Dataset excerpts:

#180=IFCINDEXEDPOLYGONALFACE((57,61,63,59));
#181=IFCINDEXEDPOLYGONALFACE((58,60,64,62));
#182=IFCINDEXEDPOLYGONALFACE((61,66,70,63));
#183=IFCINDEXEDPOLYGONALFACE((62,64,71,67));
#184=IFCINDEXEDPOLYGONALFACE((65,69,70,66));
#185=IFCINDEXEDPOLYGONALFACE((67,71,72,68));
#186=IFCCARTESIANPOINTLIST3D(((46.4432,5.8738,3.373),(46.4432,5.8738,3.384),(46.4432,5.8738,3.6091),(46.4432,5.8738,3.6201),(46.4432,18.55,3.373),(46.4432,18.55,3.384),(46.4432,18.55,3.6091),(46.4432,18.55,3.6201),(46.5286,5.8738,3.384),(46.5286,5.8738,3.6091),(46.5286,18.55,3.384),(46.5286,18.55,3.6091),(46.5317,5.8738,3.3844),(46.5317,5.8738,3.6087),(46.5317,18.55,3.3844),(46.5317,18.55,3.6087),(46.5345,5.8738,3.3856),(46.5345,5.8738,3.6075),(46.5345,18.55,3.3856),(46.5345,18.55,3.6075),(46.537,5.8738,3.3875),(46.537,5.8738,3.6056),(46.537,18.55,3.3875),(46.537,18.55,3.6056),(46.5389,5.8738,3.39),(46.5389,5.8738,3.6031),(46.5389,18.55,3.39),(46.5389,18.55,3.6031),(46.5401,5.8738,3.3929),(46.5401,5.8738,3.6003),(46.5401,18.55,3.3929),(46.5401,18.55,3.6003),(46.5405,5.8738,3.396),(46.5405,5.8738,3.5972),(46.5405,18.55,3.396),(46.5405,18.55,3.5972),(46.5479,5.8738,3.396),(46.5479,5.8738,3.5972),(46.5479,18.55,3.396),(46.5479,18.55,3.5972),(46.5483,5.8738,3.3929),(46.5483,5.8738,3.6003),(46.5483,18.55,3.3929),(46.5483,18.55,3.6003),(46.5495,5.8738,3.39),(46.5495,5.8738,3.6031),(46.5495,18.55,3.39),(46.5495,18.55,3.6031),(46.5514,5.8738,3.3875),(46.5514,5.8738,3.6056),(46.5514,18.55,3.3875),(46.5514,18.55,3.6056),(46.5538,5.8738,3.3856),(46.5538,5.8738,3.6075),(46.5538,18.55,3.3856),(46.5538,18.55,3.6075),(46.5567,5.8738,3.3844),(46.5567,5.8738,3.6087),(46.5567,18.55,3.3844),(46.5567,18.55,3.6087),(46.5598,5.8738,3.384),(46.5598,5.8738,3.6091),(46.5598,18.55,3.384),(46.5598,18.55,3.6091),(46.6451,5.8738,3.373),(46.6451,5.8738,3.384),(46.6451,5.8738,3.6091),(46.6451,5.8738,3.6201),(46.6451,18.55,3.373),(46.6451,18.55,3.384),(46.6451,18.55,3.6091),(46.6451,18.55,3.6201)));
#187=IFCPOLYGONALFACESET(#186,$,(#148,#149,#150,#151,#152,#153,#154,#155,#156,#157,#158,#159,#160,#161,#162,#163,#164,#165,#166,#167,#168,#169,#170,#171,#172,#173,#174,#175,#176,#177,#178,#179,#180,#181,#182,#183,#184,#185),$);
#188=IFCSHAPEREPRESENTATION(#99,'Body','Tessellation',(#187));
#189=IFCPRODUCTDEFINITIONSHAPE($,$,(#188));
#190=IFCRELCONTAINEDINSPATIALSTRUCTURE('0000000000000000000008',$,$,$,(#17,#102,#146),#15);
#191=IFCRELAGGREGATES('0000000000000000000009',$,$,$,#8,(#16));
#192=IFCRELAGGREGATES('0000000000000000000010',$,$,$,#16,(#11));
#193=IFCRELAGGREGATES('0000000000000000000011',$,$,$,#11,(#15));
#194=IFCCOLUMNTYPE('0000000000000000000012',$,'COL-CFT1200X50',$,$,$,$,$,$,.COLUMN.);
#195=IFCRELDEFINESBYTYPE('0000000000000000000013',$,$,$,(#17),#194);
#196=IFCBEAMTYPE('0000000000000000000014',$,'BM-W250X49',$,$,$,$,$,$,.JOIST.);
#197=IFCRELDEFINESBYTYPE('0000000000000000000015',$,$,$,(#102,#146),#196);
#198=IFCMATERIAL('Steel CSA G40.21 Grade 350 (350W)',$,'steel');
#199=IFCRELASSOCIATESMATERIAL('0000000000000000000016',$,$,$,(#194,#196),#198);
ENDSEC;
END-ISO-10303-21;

### Exercise directions
Each line of the records should be transcribed without change.

### Your solution
#180=IFCINDEXEDPOLYGONALFACE((57,61,63,59));
#181=IFCINDEXEDPOLYGONALFACE((58,60,64,62));
#182=IFCINDEXEDPOLYGONALFACE((61,66,70,63));
#183=IFCINDEXEDPOLYGONALFACE((62,64,71,67));
#184=IFCINDEXEDPOLYGONALFACE((65,69,70,66));
#185=IFCINDEXEDPOLYGONALFACE((67,71,72,68));
#186=IFCCARTESIANPOINTLIST3D(((46.4432,5.8738,3.373),(46.4432,5.8738,3.384),(46.4432,5.8738,3.6091),(46.4432,5.8738,3.6201),(46.4432,18.55,3.373),(46.4432,18.55,3.384),(46.4432,18.55,3.6091),(46.4432,18.55,3.6201),(46.5286,5.8738,3.384),(46.5286,5.8738,3.6091),(46.5286,18.55,3.384),(46.5286,18.55,3.6091),(46.5317,5.8738,3.3844),(46.5317,5.8738,3.6087),(46.5317,18.55,3.3844),(46.5317,18.55,3.6087),(46.5345,5.8738,3.3856),(46.5345,5.8738,3.6075),(46.5345,18.55,3.3856),(46.5345,18.55,3.6075),(46.537,5.8738,3.3875),(46.537,5.8738,3.6056),(46.537,18.55,3.3875),(46.537,18.55,3.6056),(46.5389,5.8738,3.39),(46.5389,5.8738,3.6031),(46.5389,18.55,3.39),(46.5389,18.55,3.6031),(46.5401,5.8738,3.3929),(46.5401,5.8738,3.6003),(46.5401,18.55,3.3929),(46.5401,18.55,3.6003),(46.5405,5.8738,3.396),(46.5405,5.8738,3.5972),(46.5405,18.55,3.396),(46.5405,18.55,3.5972),(46.5479,5.8738,3.396),(46.5479,5.8738,3.5972),(46.5479,18.55,3.396),(46.5479,18.55,3.5972),(46.5483,5.8738,3.3929),(46.5483,5.8738,3.6003),(46.5483,18.55,3.3929),(46.5483,18.55,3.6003),(46.5495,5.8738,3.39),(46.5495,5.8738,3.6031),(46.5495,18.55,3.39),(46.5495,18.55,3.6031),(46.5514,5.8738,3.3875),(46.5514,5.8738,3.6056),(46.5514,18.55,3.3875),(46.5514,18.55,3.6056),(46.5538,5.8738,3.3856),(46.5538,5.8738,3.6075),(46.5538,18.55,3.3856),(46.5538,18.55,3.6075),(46.5567,5.8738,3.3844),(46.5567,5.8738,3.6087),(46.5567,18.55,3.3844),(46.5567,18.55,3.6087),(46.5598,5.8738,3.384),(46.5598,5.8738,3.6091),(46.5598,18.55,3.384),(46.5598,18.55,3.6091),(46.6451,5.8738,3.373),(46.6451,5.8738,3.384),(46.6451,5.8738,3.6091),(46.6451,5.8738,3.6201),(46.6451,18.55,3.373),(46.6451,18.55,3.384),(46.6451,18.55,3.6091),(46.6451,18.55,3.6201)));
#187=IFCPOLYGONALFACESET(#186,$,(#148,#149,#150,#151,#152,#153,#154,#155,#156,#157,#158,#159,#160,#161,#162,#163,#164,#165,#166,#167,#168,#169,#170,#171,#172,#173,#174,#175,#176,#177,#178,#179,#180,#181,#182,#183,#184,#185),$);
#188=IFCSHAPEREPRESENTATION(#99,'Body','Tessellation',(#187));
#189=IFCPRODUCTDEFINITIONSHAPE($,$,(#188));
#190=IFCRELCONTAINEDINSPATIALSTRUCTURE('0000000000000000000008',$,$,$,(#17,#102,#146),#15);
#191=IFCRELAGGREGATES('0000000000000000000009',$,$,$,#8,(#16));
#192=IFCRELAGGREGATES('0000000000000000000010',$,$,$,#16,(#11));
#193=IFCRELAGGREGATES('0000000000000000000011',$,$,$,#11,(#15));
#194=IFCCOLUMNTYPE('0000000000000000000012',$,'COL-CFT1200X50',$,$,$,$,$,$,.COLUMN.);
#195=IFCRELDEFINESBYTYPE('0000000000000000000013',$,$,$,(#17),#194);
#196=IFCBEAMTYPE('0000000000000000000014',$,'BM-W250X49',$,$,$,$,$,$,.JOIST.);
#197=IFCRELDEFINESBYTYPE('0000000000000000000015',$,$,$,(#102,#146),#196);
#198=IFCMATERIAL('Steel CSA G40.21 Grade 350 (350W)',$,'steel');
#199=IFCRELASSOCIATESMATERIAL('0000000000000000000016',$,$,$,(#194,#196),#198);
ENDSEC;
END-ISO-10303-21;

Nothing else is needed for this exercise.